▸ **Problem to solve**: Write out each line of the records that has "IFCLOCALPLACEMENT" in it.

START Source material

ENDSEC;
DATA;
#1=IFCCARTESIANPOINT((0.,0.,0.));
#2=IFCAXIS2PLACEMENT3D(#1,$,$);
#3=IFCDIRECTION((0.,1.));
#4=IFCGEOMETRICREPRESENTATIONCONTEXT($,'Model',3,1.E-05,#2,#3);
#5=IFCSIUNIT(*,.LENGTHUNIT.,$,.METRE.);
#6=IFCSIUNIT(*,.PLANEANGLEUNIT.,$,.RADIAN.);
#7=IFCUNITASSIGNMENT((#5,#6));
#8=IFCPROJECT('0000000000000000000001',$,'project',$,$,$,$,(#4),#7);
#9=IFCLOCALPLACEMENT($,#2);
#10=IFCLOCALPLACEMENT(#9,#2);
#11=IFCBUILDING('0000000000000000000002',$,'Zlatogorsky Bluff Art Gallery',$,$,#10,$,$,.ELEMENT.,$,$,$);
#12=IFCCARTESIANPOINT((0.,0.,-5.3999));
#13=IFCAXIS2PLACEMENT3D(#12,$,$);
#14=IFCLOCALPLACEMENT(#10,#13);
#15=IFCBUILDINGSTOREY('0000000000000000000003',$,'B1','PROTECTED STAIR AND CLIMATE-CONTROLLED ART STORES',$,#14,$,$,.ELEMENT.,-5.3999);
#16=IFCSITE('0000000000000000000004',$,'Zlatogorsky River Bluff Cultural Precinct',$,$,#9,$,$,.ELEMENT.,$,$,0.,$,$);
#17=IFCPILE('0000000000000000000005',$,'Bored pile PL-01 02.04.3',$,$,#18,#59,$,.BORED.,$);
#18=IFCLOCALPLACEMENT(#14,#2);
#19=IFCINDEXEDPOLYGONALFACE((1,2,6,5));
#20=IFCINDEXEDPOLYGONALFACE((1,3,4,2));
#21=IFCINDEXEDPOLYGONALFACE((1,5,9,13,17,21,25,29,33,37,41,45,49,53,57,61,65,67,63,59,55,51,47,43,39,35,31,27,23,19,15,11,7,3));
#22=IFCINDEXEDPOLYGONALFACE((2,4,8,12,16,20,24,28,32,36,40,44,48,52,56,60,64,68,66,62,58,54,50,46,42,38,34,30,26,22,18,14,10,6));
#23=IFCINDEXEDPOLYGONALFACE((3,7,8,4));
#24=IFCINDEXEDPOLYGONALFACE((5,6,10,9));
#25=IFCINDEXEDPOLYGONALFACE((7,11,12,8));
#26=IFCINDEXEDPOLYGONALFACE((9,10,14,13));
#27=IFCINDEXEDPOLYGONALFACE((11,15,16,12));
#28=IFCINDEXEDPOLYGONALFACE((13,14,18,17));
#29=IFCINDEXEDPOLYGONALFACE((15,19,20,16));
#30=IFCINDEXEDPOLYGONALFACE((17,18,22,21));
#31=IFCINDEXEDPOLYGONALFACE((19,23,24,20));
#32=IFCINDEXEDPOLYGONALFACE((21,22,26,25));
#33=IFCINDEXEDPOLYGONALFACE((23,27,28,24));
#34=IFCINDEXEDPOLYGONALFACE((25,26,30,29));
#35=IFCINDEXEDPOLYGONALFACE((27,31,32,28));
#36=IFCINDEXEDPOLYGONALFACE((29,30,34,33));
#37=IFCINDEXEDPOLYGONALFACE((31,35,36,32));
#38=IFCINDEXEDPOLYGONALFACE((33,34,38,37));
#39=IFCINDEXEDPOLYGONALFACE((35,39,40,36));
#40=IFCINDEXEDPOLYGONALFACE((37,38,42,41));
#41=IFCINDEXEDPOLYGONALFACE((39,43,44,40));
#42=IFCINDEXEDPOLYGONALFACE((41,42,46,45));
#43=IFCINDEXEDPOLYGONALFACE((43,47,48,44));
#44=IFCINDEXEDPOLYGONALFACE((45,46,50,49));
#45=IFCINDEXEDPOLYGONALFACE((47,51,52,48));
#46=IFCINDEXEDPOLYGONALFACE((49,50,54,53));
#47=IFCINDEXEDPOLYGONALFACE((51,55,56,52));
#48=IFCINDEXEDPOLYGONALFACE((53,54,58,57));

END Source material
START Source material

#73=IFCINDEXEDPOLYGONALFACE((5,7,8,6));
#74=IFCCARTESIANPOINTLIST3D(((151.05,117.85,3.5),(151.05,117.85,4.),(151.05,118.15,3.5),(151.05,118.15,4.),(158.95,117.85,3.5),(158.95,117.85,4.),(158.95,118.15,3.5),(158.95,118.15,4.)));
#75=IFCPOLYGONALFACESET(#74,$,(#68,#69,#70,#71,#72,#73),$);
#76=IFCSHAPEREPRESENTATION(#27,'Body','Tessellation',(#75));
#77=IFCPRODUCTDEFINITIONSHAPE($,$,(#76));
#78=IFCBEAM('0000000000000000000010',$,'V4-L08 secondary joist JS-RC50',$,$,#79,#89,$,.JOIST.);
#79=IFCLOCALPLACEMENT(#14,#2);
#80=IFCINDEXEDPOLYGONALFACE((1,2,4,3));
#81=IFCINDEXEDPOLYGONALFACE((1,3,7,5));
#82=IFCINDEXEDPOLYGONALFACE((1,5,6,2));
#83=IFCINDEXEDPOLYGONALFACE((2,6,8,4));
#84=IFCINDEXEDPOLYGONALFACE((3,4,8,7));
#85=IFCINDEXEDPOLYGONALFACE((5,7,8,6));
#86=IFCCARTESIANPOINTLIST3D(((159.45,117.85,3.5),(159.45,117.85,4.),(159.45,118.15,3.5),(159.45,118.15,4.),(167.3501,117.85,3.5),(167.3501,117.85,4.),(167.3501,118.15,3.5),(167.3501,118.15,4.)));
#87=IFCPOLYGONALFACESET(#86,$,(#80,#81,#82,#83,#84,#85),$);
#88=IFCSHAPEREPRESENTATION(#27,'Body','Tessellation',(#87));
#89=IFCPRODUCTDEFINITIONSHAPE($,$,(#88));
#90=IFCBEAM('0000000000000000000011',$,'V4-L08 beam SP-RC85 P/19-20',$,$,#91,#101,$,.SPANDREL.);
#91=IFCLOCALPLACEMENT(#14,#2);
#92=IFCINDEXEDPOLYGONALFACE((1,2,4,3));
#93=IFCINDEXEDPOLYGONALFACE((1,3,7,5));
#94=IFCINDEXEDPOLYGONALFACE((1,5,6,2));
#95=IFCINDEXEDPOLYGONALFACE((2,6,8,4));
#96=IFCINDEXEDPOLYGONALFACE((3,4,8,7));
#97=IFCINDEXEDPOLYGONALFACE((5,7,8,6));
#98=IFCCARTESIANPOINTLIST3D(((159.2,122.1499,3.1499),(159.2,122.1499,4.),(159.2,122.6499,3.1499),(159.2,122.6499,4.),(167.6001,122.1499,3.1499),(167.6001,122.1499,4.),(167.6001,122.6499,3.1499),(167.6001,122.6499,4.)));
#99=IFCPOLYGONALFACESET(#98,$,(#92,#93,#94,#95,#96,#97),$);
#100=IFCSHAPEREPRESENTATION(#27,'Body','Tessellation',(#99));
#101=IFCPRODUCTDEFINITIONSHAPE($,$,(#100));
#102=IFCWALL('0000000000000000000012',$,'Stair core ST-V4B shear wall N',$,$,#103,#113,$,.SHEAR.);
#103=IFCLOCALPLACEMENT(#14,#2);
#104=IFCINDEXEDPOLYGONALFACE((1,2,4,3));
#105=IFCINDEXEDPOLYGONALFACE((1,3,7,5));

END Source material

▸ **Response to this exercise**:
#9=IFCLOCALPLACEMENT($,#2);
#10=IFCLOCALPLACEMENT(#9,#2);
#14=IFCLOCALPLACEMENT(#10,#13);
#18=IFCLOCALPLACEMENT(#14,#2);
#79=IFCLOCALPLACEMENT(#14,#2);
#91=IFCLOCALPLACEMENT(#14,#2);
#103=IFCLOCALPLACEMENT(#14,#2);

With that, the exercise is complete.